__Work task__. Using the records that follow, count the lines containing the word "Steel" and give that number only.

(Saved entries)

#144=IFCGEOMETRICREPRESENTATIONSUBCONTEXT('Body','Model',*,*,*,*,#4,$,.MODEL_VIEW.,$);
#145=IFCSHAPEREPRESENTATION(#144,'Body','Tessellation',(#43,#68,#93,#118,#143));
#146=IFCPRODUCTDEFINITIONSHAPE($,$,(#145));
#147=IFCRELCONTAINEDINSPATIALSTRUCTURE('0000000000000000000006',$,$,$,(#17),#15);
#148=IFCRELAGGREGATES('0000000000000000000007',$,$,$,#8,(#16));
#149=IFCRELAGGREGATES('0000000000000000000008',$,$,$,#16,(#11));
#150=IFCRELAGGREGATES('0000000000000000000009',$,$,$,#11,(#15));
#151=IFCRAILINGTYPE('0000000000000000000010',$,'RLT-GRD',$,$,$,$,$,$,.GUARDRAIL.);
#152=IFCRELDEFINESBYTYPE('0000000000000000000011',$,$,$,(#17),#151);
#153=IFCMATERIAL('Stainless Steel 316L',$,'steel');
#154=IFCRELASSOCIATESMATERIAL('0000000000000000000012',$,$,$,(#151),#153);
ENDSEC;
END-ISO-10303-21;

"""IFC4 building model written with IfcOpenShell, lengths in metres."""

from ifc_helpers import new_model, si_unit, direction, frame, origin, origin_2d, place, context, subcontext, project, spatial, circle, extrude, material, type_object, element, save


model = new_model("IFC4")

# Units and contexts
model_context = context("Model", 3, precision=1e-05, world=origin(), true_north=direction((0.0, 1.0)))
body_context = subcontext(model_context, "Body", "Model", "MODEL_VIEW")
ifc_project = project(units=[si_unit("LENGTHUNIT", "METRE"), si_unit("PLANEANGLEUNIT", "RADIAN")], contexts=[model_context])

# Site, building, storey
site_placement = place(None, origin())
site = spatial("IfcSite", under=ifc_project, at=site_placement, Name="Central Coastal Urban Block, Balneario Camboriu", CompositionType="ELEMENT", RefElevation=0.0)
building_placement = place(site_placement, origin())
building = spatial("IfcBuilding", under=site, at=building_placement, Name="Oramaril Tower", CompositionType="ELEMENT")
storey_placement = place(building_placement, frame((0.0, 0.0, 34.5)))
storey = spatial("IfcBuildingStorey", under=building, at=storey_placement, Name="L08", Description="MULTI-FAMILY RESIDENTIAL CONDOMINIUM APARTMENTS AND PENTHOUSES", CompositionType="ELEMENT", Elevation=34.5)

...

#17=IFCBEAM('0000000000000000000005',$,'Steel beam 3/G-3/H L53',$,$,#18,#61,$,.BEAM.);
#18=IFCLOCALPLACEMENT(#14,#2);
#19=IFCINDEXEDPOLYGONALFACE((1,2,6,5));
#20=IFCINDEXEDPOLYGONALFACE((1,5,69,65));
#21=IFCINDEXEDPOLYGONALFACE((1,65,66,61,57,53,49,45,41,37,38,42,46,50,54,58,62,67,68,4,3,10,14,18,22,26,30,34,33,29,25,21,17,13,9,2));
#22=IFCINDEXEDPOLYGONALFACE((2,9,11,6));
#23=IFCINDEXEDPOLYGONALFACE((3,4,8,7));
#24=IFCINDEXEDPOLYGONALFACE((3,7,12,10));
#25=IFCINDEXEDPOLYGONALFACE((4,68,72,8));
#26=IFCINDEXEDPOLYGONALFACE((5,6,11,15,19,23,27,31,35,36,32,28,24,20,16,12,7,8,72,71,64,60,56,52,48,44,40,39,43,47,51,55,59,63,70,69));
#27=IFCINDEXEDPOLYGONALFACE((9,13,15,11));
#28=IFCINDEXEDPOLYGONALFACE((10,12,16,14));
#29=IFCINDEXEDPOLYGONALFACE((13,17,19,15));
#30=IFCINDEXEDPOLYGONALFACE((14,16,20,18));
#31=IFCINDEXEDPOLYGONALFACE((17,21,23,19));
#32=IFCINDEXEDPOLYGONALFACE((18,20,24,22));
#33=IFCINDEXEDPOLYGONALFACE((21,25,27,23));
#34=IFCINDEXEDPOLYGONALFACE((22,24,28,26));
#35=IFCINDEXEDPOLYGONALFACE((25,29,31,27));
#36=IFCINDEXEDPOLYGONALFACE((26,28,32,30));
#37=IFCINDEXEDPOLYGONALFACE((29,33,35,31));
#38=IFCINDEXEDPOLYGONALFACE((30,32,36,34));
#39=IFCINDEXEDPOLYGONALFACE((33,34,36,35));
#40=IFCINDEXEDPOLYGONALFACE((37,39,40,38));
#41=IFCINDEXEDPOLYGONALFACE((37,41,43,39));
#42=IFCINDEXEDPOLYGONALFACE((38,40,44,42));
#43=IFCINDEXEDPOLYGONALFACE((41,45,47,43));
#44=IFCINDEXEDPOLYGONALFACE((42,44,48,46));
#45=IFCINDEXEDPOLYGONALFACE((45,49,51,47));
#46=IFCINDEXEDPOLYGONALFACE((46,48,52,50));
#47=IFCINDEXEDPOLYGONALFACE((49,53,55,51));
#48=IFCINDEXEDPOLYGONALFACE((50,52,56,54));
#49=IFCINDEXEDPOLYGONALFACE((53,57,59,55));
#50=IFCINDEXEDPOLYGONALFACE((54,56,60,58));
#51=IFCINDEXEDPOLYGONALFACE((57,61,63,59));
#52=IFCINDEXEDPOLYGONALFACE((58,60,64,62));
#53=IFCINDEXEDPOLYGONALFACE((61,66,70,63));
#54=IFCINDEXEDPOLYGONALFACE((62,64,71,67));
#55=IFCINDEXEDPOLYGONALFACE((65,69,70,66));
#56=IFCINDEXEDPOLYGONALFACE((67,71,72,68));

__Reply to the exercise__. 2